▸ Task requirements
If a line in the entries contains the word "project", list it.
%%
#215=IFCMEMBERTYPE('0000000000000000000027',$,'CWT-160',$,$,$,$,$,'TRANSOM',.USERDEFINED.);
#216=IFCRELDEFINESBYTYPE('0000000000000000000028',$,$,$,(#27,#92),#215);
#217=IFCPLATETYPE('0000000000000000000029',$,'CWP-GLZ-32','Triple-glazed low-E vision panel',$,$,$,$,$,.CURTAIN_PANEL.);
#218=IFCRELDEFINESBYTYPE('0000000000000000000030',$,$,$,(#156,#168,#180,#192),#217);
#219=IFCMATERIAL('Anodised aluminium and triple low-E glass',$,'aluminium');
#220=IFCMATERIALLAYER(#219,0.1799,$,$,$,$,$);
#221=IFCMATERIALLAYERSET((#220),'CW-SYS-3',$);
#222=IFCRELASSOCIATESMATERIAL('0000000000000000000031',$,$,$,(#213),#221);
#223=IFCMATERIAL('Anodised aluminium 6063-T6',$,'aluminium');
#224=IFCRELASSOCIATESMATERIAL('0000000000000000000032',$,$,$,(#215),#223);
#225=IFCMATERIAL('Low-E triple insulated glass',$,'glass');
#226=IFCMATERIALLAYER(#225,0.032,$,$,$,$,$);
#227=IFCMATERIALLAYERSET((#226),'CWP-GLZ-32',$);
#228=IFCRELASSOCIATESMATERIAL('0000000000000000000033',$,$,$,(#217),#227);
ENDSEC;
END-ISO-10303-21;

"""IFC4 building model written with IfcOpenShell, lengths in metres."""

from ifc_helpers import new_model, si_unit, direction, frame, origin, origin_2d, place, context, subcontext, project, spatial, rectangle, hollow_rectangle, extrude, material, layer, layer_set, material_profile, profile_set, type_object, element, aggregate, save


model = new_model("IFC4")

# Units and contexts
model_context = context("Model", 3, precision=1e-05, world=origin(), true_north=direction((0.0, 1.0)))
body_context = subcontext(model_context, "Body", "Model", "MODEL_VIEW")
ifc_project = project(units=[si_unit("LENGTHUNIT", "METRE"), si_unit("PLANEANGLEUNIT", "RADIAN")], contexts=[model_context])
%%
▸ Problem solution
from ifc_helpers import new_model, si_unit, direction, frame, origin, origin_2d, place, context, subcontext, project, spatial, rectangle, hollow_rectangle, extrude, material, layer, layer_set, material_profile, profile_set, type_object, element, aggregate, save
ifc_project = project(units=[si_unit("LENGTHUNIT", "METRE"), si_unit("PLANEANGLEUNIT", "RADIAN")], contexts=[model_context])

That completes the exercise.